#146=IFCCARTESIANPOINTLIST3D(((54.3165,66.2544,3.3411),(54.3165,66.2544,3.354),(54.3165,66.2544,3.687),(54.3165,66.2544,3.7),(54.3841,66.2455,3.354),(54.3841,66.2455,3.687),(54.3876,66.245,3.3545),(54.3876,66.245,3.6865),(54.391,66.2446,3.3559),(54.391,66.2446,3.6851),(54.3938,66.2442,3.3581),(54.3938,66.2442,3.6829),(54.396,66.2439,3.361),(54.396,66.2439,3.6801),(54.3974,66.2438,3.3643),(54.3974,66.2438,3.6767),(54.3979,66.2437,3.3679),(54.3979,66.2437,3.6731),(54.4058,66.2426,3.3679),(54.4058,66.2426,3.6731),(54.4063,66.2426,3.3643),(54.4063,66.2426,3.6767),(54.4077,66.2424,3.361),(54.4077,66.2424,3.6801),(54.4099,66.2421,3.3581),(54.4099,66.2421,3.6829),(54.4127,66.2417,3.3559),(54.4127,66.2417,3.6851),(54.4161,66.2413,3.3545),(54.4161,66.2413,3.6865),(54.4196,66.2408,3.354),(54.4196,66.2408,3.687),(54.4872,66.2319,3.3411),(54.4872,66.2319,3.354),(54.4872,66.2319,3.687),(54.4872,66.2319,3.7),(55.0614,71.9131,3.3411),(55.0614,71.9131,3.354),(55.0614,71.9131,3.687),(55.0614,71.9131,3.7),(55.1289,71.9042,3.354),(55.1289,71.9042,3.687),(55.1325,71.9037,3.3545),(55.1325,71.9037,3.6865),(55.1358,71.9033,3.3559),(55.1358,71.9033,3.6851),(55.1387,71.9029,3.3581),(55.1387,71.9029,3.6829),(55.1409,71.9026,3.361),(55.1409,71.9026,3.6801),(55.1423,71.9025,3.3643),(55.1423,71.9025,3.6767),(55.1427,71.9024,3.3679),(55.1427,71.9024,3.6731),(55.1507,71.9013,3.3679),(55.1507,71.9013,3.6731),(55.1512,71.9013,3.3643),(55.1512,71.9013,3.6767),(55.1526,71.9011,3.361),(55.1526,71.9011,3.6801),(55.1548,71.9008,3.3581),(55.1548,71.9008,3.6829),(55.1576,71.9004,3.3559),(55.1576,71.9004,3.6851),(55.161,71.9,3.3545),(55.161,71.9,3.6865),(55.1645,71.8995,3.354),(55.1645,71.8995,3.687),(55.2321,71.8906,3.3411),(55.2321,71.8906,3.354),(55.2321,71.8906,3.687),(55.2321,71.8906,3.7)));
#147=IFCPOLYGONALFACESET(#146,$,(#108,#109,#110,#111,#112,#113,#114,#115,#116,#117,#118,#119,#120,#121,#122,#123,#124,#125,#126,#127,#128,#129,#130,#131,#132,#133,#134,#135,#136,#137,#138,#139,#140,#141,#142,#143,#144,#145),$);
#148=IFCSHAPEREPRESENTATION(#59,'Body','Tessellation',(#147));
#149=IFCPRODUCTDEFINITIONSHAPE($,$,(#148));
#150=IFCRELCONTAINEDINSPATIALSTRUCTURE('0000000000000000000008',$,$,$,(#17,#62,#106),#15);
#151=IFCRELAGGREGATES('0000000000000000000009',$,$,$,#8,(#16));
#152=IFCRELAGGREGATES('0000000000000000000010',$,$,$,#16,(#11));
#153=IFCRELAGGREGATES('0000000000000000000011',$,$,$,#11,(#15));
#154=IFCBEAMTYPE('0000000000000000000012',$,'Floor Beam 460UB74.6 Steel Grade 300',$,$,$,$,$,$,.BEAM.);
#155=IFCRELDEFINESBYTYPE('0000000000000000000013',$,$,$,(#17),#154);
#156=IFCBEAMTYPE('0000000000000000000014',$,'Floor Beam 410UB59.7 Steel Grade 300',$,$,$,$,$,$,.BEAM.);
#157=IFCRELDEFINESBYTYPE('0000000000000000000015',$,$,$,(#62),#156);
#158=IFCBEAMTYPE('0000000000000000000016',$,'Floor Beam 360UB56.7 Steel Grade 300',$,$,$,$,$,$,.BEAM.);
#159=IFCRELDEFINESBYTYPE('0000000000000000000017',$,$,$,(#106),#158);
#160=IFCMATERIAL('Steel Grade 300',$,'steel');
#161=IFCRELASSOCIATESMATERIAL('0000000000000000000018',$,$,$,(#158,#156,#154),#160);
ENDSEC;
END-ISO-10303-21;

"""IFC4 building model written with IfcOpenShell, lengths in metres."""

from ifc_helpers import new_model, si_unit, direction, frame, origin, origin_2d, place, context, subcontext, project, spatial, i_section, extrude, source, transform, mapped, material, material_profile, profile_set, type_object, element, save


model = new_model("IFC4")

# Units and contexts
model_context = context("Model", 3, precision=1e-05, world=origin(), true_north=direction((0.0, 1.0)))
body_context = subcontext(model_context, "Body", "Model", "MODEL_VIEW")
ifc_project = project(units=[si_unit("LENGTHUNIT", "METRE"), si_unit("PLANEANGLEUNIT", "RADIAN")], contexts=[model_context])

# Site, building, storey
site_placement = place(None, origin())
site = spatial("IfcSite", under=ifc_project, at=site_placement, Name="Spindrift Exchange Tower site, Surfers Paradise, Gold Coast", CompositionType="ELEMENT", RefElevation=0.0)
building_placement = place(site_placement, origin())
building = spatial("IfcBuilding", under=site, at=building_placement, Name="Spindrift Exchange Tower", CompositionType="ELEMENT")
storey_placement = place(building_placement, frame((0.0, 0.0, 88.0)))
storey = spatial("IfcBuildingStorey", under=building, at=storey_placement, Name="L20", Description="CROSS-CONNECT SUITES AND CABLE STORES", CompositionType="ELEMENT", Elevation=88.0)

# # # #

> WORK TO COMPLETE: Each line in the entries above that includes the string "origin" should be extracted.

> RESULT BELOW:
from ifc_helpers import new_model, si_unit, direction, frame, origin, origin_2d, place, context, subcontext, project, spatial, i_section, extrude, source, transform, mapped, material, material_profile, profile_set, type_object, element, save
model_context = context("Model", 3, precision=1e-05, world=origin(), true_north=direction((0.0, 1.0)))
site_placement = place(None, origin())
building_placement = place(site_placement, origin())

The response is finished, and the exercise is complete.